**WORK ITEM:**
Copy out every line of the data that has the word "Rimbun" somewhere in it.

**MATERIAL FOR THIS TASK:**
▬▬▬
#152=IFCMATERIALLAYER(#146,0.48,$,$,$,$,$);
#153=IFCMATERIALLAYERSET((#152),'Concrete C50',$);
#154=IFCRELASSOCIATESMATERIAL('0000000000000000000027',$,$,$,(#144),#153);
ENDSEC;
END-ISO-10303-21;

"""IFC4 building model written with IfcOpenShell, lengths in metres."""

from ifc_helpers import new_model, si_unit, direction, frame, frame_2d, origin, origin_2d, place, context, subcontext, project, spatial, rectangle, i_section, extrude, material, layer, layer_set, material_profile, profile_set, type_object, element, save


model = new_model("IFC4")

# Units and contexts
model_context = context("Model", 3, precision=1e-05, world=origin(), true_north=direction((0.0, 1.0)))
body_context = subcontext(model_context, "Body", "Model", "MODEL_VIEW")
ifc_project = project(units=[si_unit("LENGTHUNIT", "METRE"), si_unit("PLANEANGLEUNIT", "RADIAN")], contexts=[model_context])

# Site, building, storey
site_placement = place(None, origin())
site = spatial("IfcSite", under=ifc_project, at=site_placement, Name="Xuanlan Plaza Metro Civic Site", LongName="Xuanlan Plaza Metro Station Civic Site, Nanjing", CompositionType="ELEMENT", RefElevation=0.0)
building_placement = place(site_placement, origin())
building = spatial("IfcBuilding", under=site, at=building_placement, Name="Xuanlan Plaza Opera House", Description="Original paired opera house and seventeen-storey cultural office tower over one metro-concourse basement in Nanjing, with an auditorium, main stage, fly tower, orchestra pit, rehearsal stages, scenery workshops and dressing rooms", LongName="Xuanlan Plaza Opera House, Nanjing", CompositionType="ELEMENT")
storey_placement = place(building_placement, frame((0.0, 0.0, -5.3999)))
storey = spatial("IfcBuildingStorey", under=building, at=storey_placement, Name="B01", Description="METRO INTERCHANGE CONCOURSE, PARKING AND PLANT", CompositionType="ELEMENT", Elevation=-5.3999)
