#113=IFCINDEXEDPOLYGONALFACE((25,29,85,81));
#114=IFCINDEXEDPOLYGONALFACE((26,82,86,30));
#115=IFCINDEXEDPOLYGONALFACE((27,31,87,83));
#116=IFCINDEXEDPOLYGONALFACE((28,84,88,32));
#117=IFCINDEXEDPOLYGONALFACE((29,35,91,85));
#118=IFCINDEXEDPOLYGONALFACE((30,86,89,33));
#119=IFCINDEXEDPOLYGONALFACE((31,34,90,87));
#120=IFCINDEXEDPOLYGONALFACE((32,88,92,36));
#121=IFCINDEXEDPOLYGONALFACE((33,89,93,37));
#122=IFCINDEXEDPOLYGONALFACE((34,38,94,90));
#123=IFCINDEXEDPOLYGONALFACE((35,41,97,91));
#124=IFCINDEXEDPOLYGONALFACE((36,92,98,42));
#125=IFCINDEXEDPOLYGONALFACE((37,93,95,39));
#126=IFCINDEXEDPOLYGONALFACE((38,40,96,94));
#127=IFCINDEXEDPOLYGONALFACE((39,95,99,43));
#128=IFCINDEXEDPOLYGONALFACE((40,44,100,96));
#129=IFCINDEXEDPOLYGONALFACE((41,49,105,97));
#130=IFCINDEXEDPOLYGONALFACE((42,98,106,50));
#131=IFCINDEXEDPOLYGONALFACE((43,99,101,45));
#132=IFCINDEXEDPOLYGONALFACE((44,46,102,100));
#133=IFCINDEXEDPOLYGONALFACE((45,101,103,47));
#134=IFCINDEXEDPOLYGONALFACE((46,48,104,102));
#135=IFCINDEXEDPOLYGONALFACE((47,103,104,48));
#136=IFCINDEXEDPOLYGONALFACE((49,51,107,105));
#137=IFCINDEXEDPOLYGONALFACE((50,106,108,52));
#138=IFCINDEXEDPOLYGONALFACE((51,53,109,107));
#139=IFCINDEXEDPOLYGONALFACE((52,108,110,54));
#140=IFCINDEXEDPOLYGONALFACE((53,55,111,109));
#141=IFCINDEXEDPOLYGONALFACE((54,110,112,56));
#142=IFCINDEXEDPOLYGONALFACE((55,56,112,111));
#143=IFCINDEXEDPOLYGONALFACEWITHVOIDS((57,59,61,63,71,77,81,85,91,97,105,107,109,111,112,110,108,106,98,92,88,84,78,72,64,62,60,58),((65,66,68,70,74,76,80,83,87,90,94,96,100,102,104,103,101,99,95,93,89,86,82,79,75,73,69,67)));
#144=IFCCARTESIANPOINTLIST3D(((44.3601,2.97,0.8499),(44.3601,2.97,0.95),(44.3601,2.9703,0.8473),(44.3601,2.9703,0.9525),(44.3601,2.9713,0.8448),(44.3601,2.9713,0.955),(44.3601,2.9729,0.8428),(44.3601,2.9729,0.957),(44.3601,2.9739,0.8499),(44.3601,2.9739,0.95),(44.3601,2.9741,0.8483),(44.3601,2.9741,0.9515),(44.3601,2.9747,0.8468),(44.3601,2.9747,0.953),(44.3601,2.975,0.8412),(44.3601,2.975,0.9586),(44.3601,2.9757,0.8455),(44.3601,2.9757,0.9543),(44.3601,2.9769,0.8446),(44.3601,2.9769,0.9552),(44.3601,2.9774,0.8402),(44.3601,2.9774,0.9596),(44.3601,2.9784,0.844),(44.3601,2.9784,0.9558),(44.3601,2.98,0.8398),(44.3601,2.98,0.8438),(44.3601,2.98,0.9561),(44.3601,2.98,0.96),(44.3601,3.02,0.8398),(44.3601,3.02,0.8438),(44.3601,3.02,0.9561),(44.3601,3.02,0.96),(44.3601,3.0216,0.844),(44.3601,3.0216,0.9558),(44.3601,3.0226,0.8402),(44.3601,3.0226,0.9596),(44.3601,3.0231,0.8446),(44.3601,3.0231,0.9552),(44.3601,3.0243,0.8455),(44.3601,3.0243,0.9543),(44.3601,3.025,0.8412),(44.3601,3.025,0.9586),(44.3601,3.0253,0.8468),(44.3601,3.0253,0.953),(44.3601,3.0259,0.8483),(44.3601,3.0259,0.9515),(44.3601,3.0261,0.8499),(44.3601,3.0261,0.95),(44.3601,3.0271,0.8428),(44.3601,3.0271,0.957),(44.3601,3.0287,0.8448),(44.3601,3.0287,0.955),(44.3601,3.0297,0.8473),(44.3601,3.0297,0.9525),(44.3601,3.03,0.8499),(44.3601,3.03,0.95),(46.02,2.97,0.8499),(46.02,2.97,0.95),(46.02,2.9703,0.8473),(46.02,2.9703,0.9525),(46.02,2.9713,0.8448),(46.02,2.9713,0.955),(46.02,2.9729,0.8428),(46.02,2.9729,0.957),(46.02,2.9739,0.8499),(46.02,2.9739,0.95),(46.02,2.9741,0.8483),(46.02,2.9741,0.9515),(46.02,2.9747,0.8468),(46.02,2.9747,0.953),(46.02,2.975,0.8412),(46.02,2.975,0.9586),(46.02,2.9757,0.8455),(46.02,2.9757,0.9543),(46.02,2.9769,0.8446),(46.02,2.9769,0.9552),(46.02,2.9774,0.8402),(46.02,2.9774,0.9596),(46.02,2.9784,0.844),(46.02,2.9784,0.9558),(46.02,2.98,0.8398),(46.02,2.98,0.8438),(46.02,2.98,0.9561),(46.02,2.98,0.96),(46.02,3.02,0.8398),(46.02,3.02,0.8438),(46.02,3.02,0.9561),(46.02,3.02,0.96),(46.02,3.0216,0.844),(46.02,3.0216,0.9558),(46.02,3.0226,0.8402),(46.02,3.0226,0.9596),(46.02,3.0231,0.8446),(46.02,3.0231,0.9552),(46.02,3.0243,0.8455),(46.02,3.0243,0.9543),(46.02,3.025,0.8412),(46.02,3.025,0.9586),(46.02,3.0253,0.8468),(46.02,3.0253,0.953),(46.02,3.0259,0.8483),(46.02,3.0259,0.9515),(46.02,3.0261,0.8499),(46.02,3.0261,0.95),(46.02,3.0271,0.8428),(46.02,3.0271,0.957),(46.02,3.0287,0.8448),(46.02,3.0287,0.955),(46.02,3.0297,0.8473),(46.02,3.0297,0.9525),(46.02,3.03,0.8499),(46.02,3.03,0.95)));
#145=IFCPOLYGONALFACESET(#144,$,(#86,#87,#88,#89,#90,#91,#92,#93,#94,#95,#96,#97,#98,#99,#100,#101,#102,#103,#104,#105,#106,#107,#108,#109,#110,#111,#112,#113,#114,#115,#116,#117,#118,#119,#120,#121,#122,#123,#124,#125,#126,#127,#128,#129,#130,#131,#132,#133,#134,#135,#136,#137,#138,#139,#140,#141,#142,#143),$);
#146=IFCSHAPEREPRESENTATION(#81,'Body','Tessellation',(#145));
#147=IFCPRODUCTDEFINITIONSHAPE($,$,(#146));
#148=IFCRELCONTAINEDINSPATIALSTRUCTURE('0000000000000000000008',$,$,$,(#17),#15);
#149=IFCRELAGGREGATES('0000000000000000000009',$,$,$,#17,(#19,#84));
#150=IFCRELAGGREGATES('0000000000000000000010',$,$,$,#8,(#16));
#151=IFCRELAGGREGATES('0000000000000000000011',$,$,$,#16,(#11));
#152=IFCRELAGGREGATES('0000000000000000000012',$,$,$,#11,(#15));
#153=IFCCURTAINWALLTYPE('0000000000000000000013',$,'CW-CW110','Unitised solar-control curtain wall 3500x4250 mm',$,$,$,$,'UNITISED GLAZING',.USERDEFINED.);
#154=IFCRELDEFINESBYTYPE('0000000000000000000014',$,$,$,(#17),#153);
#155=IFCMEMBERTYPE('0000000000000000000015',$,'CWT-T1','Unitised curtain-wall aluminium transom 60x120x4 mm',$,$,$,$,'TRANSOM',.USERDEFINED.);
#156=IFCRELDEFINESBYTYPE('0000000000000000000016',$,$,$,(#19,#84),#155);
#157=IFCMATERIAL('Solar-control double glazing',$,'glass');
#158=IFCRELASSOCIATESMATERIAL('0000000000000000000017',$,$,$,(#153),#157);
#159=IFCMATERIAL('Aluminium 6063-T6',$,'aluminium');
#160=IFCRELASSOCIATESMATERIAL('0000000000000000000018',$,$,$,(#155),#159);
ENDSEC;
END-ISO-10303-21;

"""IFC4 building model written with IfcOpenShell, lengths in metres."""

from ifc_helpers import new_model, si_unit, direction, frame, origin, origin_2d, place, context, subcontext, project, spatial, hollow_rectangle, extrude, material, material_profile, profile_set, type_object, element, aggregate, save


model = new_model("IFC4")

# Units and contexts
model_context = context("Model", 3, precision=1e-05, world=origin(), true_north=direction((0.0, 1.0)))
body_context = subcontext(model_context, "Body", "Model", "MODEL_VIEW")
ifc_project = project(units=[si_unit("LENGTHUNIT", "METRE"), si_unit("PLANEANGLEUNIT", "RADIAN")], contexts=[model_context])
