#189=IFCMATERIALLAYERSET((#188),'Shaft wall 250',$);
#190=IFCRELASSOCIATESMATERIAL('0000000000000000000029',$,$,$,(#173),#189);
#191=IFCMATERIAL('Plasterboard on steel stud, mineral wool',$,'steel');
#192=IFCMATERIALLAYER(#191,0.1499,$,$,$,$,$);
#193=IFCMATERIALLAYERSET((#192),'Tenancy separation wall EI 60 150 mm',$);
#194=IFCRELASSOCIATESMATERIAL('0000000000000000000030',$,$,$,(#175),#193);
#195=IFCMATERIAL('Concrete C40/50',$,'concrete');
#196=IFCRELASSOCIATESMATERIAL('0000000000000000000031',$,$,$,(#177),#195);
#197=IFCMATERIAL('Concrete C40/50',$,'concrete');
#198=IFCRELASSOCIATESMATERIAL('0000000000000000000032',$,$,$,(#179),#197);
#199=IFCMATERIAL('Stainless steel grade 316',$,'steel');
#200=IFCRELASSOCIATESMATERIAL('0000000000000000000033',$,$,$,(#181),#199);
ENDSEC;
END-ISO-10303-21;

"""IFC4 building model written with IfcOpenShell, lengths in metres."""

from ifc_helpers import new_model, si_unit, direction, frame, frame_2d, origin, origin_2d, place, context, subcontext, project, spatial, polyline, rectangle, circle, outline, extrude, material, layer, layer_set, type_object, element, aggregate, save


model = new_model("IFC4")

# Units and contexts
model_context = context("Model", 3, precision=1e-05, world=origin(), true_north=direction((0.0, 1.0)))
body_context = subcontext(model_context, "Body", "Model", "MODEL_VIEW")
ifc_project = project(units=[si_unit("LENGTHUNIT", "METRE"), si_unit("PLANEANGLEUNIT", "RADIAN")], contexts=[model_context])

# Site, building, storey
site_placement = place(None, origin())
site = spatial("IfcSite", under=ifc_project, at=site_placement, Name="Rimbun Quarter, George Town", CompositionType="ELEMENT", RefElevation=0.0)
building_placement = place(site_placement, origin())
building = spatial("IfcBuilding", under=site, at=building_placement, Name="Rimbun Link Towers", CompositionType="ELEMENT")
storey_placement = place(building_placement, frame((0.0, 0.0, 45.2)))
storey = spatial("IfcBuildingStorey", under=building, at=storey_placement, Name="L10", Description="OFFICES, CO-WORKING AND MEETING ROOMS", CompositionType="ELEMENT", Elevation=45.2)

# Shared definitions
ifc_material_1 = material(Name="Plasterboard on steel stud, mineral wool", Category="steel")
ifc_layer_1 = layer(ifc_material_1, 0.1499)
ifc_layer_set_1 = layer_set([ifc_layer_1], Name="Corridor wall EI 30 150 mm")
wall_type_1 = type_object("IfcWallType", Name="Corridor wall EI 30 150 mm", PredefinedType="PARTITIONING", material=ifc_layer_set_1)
▬▬▬
**TASK OUTPUT:**
site = spatial("IfcSite", under=ifc_project, at=site_placement, Name="Rimbun Quarter, George Town", CompositionType="ELEMENT", RefElevation=0.0)
building = spatial("IfcBuilding", under=site, at=building_placement, Name="Rimbun Link Towers", CompositionType="ELEMENT")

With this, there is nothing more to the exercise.